What you will do: Give the lines below again exactly, starting with the line that holds "#94=IFCINDEXEDPOLYGONALFACE((57,61,63,59));" and going on through the line that holds "#99=IFCINDEXEDPOLYGONALFACE((67,71,72,68));".
Records for the task START
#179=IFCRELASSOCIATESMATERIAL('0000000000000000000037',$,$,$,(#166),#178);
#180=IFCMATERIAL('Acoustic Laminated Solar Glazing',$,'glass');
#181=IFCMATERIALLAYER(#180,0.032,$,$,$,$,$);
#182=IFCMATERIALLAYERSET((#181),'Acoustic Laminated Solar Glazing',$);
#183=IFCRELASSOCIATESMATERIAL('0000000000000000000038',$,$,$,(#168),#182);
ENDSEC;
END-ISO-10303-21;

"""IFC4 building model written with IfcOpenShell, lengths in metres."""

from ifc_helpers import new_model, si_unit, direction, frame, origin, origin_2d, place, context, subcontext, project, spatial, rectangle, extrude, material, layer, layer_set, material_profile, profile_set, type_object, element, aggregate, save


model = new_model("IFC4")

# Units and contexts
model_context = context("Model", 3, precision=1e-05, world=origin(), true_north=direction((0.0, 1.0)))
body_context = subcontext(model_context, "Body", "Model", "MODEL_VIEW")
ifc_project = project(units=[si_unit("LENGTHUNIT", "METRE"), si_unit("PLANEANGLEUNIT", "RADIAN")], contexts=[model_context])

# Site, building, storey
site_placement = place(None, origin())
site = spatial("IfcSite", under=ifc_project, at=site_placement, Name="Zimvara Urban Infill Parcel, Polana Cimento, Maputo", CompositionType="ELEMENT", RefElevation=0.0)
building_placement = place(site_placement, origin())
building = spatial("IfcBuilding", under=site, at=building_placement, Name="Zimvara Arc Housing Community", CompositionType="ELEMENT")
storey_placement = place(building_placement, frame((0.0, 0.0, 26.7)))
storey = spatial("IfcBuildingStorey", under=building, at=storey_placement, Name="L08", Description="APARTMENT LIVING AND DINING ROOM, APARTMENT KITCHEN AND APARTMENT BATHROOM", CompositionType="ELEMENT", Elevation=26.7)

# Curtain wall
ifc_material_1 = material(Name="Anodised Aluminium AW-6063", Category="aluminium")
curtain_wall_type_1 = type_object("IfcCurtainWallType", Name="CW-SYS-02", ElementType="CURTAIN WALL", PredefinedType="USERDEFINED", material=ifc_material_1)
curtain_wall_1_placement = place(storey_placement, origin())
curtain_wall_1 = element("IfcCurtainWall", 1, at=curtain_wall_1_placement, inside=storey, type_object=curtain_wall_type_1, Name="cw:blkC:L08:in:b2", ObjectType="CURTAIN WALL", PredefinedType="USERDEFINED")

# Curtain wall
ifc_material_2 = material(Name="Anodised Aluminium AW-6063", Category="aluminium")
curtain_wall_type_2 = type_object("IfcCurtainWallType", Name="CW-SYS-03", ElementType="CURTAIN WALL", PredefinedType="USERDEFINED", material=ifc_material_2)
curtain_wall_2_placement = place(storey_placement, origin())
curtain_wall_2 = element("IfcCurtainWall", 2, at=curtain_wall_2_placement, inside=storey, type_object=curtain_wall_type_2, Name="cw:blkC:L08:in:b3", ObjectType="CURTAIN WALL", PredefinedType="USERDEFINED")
Records for the task END
Records for the task START
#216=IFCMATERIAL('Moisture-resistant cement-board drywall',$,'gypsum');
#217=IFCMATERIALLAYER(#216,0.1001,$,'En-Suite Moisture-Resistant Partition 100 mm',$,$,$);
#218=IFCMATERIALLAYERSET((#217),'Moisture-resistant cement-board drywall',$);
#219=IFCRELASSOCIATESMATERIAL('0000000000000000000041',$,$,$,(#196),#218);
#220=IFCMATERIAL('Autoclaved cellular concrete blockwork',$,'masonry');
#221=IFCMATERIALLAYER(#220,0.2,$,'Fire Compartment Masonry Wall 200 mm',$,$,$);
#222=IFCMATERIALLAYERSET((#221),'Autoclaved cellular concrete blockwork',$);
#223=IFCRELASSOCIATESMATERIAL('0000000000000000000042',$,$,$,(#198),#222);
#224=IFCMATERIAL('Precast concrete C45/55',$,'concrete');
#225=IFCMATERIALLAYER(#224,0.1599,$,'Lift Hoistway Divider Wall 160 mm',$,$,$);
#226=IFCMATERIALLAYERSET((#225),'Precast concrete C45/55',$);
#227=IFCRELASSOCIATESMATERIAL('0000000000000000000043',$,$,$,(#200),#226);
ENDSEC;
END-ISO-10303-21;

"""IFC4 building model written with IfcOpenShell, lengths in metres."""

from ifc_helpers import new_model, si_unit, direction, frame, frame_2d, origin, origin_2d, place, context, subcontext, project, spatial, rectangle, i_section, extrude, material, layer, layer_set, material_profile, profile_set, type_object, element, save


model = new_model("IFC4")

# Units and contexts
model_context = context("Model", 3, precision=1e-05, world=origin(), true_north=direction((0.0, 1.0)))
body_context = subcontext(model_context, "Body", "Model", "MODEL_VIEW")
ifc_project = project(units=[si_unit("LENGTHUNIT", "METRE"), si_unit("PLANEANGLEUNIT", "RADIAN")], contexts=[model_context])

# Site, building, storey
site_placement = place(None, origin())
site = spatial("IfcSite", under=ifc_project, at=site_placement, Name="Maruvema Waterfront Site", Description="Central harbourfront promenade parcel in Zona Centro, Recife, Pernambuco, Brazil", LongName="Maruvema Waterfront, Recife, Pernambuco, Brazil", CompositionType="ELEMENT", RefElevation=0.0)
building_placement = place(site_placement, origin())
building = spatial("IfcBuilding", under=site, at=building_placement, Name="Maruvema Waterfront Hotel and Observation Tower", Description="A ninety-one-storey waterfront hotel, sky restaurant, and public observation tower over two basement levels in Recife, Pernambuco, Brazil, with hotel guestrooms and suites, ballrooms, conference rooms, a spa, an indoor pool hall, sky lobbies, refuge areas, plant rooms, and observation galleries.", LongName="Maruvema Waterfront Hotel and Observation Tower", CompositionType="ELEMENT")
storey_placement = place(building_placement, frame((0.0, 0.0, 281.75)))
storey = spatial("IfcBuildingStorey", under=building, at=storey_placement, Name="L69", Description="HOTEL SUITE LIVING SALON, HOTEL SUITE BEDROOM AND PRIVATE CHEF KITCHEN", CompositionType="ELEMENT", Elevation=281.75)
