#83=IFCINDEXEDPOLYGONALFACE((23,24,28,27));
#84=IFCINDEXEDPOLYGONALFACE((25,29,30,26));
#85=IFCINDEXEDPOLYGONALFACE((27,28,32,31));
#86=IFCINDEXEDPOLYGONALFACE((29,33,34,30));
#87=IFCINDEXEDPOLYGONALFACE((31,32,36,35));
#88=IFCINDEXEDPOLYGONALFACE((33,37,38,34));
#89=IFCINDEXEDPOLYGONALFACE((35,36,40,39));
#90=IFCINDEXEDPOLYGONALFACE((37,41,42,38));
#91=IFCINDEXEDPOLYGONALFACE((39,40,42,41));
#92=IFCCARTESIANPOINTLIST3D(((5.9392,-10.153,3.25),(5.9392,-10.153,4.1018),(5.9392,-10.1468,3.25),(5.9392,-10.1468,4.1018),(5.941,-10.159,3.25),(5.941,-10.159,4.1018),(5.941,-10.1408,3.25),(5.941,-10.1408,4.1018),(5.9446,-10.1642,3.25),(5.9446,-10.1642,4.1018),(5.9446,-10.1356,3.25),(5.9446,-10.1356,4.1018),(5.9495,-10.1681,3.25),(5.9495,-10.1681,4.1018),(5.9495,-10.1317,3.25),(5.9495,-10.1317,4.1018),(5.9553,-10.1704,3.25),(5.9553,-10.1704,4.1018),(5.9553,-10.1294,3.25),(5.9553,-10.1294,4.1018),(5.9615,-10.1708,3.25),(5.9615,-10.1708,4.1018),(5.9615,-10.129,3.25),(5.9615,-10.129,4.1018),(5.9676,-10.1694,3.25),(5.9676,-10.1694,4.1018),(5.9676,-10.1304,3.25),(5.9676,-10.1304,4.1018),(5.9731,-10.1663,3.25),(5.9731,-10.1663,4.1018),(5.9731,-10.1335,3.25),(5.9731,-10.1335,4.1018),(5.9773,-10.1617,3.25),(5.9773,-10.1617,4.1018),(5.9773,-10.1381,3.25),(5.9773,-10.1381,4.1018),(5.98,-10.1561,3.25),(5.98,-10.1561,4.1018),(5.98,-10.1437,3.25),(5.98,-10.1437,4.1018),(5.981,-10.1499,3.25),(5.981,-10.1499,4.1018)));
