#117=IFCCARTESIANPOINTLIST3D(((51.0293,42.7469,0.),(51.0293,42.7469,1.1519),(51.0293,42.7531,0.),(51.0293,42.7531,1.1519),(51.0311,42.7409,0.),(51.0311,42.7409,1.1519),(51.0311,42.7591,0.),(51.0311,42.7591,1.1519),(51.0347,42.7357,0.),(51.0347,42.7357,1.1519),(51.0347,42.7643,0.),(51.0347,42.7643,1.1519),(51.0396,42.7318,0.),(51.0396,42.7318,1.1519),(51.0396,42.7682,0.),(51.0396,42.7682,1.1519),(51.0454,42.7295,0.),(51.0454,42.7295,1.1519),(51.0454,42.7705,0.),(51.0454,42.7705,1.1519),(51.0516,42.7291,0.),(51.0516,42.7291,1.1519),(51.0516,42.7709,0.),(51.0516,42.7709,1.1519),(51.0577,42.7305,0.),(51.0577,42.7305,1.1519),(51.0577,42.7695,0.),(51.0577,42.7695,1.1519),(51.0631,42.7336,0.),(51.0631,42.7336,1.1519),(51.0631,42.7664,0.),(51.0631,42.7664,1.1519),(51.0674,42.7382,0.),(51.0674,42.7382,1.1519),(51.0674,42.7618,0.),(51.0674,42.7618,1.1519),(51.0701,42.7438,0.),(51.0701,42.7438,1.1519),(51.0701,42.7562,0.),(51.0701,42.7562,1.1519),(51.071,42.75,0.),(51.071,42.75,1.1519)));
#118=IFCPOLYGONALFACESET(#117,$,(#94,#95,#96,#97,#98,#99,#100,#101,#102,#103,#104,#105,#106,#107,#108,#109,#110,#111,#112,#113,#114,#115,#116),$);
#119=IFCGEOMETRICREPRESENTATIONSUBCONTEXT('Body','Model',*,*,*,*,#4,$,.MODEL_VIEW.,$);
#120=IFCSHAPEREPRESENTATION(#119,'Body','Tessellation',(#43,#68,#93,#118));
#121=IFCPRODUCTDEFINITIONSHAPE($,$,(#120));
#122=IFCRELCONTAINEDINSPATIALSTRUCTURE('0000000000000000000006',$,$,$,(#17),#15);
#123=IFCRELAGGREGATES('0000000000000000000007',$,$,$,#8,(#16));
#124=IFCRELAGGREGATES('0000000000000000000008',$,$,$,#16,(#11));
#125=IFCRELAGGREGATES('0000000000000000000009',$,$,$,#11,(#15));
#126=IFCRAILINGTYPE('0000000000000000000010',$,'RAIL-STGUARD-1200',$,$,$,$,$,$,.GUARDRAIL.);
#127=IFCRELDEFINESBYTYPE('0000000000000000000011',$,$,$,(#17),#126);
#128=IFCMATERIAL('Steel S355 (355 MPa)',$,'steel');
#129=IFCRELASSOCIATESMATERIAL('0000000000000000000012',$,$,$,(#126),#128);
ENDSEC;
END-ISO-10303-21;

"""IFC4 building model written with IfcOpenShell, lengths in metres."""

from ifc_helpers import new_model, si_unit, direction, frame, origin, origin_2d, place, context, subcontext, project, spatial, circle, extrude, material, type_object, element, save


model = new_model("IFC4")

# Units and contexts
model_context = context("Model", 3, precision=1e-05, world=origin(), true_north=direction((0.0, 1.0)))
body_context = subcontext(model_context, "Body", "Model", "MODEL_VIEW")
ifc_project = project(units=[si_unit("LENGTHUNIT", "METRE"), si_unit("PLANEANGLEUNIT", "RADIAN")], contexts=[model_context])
Records for the task END
Records for the task START
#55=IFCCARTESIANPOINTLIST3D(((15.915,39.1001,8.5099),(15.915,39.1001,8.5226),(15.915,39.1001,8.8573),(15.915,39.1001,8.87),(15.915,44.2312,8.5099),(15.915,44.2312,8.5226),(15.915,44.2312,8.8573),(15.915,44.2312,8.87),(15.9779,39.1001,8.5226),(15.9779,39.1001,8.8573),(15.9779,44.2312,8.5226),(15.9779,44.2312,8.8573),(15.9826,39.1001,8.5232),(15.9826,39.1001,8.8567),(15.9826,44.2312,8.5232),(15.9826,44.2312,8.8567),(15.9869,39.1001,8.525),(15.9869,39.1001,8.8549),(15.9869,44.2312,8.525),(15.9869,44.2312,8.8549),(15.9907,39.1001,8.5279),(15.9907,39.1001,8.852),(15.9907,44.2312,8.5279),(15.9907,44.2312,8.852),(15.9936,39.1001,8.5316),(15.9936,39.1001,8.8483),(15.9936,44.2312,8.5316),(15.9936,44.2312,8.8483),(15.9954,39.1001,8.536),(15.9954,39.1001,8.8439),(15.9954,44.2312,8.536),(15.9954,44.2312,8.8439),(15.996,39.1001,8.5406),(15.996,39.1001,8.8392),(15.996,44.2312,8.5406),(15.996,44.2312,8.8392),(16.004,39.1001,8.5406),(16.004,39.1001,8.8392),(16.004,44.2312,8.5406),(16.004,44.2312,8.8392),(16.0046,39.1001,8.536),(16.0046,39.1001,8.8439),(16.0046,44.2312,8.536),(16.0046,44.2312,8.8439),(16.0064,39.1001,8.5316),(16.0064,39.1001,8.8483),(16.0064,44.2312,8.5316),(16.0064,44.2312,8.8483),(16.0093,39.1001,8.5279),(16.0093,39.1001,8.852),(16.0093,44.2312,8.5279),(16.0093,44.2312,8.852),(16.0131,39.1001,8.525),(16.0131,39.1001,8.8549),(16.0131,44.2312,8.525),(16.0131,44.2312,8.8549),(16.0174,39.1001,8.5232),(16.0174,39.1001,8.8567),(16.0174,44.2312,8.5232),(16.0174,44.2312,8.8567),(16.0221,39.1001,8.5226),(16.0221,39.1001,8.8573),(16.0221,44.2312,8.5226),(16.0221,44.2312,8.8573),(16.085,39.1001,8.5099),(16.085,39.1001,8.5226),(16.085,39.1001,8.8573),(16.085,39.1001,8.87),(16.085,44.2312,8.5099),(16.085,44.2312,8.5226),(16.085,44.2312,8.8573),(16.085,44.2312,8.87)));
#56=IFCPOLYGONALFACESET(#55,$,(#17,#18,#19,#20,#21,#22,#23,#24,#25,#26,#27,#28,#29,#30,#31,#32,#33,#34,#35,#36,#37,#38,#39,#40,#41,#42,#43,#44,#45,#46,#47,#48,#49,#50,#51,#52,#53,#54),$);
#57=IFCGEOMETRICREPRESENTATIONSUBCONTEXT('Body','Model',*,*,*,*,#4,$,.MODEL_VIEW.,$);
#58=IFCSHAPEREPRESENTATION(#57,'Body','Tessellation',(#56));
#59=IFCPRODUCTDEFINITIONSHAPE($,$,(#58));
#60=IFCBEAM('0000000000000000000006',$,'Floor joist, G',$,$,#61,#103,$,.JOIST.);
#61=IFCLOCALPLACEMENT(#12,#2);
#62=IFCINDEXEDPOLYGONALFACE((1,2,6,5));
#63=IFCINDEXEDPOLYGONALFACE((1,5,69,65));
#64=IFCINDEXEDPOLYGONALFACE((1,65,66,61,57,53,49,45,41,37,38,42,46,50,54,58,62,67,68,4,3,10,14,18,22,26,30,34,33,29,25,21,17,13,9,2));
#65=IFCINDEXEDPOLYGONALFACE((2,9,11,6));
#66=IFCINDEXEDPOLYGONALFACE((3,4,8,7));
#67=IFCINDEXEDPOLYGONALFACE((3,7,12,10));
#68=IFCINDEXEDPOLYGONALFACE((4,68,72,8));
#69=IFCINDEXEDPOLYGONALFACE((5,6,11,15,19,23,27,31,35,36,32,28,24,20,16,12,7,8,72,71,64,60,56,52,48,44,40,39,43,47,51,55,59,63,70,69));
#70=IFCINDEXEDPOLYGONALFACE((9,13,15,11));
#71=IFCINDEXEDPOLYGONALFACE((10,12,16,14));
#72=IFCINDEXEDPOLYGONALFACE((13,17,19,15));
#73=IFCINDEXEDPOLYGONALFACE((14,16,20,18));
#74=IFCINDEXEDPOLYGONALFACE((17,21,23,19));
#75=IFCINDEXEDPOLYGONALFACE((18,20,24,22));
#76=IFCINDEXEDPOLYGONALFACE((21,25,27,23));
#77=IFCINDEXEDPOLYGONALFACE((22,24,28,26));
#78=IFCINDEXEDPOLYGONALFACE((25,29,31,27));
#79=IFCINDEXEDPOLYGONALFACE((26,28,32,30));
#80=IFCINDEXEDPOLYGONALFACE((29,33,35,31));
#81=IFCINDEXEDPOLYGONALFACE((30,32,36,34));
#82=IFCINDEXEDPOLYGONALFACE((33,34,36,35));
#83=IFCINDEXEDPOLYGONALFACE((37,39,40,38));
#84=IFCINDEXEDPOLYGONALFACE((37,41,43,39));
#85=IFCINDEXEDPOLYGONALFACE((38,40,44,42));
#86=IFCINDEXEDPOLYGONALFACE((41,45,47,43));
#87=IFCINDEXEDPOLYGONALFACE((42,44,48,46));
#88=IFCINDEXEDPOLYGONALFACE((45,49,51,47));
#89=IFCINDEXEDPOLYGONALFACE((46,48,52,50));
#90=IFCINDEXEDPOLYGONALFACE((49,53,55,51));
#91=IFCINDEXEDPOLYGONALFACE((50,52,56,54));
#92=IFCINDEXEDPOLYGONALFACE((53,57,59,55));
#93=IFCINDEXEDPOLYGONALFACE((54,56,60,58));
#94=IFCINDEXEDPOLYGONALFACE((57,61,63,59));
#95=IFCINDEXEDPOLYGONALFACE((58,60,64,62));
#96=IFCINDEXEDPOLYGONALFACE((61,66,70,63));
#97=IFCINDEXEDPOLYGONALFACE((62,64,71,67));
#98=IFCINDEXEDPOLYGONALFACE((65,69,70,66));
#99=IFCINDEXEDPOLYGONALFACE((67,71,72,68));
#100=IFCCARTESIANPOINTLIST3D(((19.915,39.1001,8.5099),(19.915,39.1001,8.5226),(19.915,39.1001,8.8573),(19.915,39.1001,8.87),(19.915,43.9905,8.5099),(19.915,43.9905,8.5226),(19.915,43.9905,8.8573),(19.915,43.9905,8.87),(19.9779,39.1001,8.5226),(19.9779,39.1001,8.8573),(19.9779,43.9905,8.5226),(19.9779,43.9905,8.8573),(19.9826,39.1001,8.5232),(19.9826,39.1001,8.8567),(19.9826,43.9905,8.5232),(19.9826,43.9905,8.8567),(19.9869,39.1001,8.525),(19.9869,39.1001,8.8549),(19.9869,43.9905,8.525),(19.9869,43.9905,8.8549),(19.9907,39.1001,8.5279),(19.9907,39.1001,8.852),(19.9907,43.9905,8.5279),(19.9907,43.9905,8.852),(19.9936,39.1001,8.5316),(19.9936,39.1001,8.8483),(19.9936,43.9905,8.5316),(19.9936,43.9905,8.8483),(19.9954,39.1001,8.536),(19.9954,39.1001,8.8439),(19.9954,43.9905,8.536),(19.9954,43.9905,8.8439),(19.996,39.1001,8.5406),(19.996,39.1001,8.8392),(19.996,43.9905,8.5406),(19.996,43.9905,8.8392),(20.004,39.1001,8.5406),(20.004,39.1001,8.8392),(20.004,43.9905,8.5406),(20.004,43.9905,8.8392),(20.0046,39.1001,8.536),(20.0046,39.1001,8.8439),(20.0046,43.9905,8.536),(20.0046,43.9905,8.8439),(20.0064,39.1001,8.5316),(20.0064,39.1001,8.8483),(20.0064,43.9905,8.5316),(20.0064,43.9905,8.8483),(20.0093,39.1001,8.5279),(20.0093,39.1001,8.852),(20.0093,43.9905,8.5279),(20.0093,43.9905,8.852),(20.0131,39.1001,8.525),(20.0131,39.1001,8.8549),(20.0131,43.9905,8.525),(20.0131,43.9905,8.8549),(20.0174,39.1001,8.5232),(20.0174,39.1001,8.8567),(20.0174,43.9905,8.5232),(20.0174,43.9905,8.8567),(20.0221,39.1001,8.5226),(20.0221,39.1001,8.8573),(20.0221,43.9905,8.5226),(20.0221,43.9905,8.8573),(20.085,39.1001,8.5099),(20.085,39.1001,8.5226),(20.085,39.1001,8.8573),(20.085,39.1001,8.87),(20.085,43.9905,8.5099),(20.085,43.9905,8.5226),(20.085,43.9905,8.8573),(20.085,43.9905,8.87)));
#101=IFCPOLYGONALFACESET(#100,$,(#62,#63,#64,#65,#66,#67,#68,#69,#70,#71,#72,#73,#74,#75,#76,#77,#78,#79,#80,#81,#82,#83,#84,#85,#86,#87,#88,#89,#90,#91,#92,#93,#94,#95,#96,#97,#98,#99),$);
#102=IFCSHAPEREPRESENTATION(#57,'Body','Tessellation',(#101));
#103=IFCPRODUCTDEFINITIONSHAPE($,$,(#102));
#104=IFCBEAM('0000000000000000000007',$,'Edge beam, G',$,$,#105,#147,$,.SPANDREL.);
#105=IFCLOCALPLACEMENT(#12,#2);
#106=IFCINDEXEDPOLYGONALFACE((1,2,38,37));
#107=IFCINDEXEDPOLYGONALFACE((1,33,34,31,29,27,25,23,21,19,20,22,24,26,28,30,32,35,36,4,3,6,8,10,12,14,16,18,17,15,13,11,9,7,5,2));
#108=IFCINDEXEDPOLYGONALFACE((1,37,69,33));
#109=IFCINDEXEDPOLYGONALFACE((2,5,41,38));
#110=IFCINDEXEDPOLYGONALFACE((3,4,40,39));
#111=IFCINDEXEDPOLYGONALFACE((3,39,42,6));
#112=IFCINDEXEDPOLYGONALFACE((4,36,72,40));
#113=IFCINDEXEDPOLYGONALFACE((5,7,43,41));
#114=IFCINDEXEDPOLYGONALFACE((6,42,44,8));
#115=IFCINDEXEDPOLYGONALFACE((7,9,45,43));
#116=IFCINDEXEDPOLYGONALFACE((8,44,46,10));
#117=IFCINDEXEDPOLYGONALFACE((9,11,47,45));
Records for the task END
Task output:
#94=IFCINDEXEDPOLYGONALFACE((57,61,63,59));
#95=IFCINDEXEDPOLYGONALFACE((58,60,64,62));
#96=IFCINDEXEDPOLYGONALFACE((61,66,70,63));
#97=IFCINDEXEDPOLYGONALFACE((62,64,71,67));
#98=IFCINDEXEDPOLYGONALFACE((65,69,70,66));
#99=IFCINDEXEDPOLYGONALFACE((67,71,72,68));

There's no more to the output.